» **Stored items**
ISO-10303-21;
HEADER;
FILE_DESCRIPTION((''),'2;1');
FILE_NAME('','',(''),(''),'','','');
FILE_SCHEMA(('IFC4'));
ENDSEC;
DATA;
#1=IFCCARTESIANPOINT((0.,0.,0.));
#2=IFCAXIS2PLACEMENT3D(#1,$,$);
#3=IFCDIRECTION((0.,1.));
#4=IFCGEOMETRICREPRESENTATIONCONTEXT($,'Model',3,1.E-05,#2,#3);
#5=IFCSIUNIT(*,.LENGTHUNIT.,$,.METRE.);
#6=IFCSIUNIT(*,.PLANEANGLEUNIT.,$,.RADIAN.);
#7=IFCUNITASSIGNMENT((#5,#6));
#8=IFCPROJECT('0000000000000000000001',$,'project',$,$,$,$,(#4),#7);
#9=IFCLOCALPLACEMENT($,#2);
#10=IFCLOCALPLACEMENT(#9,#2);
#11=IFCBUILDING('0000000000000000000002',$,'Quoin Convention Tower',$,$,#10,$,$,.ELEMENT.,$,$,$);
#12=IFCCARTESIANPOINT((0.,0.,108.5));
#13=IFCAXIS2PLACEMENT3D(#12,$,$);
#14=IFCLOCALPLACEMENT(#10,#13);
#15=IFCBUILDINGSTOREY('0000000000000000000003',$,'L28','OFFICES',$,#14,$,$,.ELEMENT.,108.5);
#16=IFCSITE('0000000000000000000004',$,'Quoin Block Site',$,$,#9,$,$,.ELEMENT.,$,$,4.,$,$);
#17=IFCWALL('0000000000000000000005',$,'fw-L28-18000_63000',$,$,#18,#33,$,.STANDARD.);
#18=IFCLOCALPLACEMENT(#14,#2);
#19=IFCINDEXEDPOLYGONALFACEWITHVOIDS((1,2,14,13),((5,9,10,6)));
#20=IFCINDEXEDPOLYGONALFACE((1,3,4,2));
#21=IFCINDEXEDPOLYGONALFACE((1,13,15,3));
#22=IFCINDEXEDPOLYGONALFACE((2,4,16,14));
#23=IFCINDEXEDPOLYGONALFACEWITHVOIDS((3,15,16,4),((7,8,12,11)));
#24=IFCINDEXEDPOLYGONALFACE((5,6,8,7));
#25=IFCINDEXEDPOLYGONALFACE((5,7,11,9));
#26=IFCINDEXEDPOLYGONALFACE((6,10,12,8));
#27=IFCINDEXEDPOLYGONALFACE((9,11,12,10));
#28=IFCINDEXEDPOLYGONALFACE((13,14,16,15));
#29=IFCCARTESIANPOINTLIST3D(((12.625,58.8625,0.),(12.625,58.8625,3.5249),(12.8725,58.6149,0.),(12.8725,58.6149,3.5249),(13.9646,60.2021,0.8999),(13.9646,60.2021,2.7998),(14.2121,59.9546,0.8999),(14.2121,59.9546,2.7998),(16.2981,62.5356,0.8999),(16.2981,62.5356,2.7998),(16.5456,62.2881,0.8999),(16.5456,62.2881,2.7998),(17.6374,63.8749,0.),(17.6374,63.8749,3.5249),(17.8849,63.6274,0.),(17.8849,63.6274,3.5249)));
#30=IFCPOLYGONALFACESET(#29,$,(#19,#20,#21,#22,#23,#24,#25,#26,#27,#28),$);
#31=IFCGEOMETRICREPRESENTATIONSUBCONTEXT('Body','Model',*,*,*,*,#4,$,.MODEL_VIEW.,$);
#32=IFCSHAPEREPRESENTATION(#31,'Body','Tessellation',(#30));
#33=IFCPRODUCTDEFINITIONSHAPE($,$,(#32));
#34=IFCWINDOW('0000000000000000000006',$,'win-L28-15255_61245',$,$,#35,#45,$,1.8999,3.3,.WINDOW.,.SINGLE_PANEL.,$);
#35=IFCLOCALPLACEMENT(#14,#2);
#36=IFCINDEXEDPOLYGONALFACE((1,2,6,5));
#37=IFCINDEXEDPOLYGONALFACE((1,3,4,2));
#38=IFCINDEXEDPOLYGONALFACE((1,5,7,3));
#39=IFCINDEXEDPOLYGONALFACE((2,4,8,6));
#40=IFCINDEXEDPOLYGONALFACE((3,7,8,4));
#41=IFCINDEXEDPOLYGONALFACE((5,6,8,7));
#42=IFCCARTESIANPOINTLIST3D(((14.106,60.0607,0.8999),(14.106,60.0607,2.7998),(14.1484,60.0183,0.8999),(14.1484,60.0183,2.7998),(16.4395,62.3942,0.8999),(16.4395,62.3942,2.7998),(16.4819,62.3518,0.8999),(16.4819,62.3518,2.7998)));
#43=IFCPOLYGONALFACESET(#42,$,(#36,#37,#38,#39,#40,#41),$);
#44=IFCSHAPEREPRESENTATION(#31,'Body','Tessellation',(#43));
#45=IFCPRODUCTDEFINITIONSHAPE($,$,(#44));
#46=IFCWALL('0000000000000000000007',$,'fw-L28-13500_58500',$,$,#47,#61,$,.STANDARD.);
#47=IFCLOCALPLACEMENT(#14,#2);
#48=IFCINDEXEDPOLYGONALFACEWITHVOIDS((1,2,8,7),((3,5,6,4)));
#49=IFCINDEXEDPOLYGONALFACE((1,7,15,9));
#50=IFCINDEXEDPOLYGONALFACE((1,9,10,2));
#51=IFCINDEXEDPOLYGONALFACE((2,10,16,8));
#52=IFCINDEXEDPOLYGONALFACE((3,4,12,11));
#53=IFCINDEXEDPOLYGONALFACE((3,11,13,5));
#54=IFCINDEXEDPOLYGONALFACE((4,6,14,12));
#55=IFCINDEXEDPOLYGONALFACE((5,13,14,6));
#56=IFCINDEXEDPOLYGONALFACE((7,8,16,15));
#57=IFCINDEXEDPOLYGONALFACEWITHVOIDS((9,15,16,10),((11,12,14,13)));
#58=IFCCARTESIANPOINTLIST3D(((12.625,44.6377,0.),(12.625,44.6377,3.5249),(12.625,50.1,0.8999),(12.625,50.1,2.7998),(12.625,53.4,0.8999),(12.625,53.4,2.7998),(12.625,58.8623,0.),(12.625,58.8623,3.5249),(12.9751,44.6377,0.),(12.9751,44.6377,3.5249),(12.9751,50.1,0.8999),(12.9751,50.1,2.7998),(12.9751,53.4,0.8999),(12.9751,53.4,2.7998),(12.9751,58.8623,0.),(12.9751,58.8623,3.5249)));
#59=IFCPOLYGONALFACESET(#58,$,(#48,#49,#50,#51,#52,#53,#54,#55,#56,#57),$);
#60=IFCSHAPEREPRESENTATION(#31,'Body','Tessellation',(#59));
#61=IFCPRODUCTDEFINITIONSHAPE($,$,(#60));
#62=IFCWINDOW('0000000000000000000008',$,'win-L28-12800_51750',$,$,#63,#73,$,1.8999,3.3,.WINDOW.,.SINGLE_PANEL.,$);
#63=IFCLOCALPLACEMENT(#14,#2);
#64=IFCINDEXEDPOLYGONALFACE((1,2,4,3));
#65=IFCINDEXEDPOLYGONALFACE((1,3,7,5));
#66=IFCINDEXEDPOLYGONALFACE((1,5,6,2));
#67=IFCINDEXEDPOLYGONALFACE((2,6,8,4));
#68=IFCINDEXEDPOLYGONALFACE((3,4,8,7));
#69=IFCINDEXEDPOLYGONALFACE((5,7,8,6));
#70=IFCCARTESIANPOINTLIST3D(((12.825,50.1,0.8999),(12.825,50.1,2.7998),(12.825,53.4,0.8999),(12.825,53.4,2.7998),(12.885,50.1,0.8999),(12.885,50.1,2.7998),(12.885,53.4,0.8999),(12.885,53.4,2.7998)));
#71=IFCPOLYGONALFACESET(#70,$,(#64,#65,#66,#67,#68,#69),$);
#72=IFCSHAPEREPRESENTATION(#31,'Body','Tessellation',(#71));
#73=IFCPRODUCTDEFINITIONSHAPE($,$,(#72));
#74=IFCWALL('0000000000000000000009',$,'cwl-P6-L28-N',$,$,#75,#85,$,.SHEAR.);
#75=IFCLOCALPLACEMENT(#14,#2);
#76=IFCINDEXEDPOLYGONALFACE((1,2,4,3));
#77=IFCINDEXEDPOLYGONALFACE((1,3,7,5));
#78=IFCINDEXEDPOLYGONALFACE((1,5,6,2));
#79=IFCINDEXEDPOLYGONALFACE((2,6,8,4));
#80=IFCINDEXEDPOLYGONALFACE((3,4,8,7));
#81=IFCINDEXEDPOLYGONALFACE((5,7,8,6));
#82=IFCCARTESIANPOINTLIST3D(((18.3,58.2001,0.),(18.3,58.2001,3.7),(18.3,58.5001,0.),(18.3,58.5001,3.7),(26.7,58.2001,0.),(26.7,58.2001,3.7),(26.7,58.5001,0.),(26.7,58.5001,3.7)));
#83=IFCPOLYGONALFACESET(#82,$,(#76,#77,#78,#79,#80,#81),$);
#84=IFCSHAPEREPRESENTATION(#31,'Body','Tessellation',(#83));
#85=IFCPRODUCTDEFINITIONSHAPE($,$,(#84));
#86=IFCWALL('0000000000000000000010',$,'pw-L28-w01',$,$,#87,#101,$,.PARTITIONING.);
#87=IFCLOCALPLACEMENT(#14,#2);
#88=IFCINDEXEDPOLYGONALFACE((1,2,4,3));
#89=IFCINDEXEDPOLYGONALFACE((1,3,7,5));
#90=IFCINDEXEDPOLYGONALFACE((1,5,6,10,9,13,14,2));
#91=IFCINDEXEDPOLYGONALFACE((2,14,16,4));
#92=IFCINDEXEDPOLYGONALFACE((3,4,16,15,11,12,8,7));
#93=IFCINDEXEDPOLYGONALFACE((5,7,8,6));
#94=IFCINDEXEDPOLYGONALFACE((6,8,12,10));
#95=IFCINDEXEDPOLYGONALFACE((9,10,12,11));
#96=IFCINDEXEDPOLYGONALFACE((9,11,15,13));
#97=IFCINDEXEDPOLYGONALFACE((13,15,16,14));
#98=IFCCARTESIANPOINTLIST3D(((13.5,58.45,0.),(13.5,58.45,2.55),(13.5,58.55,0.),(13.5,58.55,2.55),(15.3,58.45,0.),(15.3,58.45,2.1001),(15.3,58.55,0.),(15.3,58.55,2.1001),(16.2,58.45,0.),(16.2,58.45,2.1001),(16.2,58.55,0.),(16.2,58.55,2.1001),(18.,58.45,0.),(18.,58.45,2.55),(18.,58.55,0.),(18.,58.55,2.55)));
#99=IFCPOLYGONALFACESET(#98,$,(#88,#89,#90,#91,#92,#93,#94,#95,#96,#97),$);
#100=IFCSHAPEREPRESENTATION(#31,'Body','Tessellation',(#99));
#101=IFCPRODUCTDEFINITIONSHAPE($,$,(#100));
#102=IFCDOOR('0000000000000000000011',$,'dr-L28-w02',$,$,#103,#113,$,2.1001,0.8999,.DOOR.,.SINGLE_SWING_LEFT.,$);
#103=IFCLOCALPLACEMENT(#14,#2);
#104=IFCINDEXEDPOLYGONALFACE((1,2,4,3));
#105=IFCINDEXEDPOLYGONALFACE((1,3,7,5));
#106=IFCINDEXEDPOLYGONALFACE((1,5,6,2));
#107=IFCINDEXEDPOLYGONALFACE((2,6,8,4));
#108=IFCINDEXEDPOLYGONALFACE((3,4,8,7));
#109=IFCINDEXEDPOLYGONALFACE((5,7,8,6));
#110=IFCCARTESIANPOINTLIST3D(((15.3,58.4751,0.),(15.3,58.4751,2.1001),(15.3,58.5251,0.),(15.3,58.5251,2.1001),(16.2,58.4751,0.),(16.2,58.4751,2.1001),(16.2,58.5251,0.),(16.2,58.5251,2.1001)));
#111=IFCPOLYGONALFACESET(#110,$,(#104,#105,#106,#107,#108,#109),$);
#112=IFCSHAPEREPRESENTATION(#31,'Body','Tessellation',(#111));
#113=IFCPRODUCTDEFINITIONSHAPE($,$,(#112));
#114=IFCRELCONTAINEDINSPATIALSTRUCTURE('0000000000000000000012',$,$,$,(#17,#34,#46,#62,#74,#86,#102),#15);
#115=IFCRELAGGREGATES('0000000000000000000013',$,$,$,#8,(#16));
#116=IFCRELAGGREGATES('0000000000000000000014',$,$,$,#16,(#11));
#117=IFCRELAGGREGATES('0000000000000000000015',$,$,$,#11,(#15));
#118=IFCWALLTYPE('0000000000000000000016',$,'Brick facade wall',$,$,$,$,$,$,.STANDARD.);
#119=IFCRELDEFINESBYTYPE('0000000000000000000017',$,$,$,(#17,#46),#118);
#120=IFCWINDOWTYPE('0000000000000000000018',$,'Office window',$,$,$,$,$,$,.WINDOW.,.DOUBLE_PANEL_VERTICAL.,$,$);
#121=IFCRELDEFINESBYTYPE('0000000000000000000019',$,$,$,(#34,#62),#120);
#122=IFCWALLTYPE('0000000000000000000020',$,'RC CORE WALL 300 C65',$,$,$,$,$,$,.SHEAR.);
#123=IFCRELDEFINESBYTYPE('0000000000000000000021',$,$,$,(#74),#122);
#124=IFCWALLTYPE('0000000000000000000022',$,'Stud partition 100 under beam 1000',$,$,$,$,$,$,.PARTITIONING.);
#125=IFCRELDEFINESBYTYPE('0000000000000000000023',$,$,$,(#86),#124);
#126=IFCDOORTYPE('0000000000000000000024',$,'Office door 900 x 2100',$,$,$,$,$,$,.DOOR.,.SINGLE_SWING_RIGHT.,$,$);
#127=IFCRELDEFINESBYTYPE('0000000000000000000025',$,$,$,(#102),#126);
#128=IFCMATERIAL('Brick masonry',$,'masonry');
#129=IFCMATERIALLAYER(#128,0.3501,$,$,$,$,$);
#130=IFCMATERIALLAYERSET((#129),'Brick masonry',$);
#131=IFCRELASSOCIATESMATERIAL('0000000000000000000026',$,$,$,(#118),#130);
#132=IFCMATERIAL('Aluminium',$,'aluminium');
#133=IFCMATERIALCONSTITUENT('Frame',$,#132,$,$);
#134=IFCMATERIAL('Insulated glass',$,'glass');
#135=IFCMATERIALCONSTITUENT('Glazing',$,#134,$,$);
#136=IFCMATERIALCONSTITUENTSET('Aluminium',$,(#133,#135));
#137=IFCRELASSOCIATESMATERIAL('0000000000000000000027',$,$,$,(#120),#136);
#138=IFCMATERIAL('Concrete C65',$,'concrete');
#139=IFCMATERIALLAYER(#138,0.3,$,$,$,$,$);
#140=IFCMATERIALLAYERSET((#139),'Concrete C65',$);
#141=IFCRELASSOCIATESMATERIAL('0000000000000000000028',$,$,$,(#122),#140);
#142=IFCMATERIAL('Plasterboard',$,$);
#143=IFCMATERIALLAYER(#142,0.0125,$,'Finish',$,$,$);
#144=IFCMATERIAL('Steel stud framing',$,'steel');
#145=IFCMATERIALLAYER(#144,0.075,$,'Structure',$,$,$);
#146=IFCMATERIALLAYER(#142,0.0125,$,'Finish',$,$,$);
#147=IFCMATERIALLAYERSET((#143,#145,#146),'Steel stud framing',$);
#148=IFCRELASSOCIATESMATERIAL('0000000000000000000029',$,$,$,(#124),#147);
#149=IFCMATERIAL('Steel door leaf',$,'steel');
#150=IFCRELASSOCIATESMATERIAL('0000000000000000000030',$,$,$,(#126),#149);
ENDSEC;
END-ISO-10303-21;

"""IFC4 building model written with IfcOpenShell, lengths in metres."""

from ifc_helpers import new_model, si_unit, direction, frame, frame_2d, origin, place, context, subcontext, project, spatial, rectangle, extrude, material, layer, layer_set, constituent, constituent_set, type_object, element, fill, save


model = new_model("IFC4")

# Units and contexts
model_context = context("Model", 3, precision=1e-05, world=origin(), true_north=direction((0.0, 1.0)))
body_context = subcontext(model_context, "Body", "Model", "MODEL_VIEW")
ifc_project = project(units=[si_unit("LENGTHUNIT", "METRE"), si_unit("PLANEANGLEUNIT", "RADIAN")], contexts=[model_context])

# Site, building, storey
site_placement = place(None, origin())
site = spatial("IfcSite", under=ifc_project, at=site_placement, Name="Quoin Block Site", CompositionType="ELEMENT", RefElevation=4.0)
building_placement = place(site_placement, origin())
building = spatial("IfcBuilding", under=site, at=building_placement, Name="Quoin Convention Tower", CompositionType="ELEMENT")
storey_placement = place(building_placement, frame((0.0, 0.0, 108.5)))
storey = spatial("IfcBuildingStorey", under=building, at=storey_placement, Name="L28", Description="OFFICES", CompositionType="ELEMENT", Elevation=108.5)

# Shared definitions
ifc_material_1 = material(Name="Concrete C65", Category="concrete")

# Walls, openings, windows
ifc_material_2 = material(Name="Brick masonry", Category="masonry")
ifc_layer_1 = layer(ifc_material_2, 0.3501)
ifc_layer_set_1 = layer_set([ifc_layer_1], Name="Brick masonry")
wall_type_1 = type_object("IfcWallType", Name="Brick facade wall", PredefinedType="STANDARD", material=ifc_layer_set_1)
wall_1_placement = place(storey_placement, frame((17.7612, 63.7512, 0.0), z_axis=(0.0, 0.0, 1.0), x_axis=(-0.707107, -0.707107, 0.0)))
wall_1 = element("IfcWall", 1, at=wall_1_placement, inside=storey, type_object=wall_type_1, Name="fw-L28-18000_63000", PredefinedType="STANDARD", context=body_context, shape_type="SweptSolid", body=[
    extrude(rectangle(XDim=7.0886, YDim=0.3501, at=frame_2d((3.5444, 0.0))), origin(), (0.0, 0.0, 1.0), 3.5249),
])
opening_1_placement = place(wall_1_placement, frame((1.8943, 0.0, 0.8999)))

» **What is needed**
Using the records above, set down exactly the lines from the one with "#12=IFCCARTESIANPOINT((0.,0.,108.5));" through the one with "#27=IFCINDEXEDPOLYGONALFACE((9,11,12,10));", inclusive, and nothing more.

» **Solution to this task**
#12=IFCCARTESIANPOINT((0.,0.,108.5));
#13=IFCAXIS2PLACEMENT3D(#12,$,$);
#14=IFCLOCALPLACEMENT(#10,#13);
#15=IFCBUILDINGSTOREY('0000000000000000000003',$,'L28','OFFICES',$,#14,$,$,.ELEMENT.,108.5);
#16=IFCSITE('0000000000000000000004',$,'Quoin Block Site',$,$,#9,$,$,.ELEMENT.,$,$,4.,$,$);
#17=IFCWALL('0000000000000000000005',$,'fw-L28-18000_63000',$,$,#18,#33,$,.STANDARD.);
#18=IFCLOCALPLACEMENT(#14,#2);
#19=IFCINDEXEDPOLYGONALFACEWITHVOIDS((1,2,14,13),((5,9,10,6)));
#20=IFCINDEXEDPOLYGONALFACE((1,3,4,2));
#21=IFCINDEXEDPOLYGONALFACE((1,13,15,3));
#22=IFCINDEXEDPOLYGONALFACE((2,4,16,14));
#23=IFCINDEXEDPOLYGONALFACEWITHVOIDS((3,15,16,4),((7,8,12,11)));
#24=IFCINDEXEDPOLYGONALFACE((5,6,8,7));
#25=IFCINDEXEDPOLYGONALFACE((5,7,11,9));
#26=IFCINDEXEDPOLYGONALFACE((6,10,12,8));
#27=IFCINDEXEDPOLYGONALFACE((9,11,12,10));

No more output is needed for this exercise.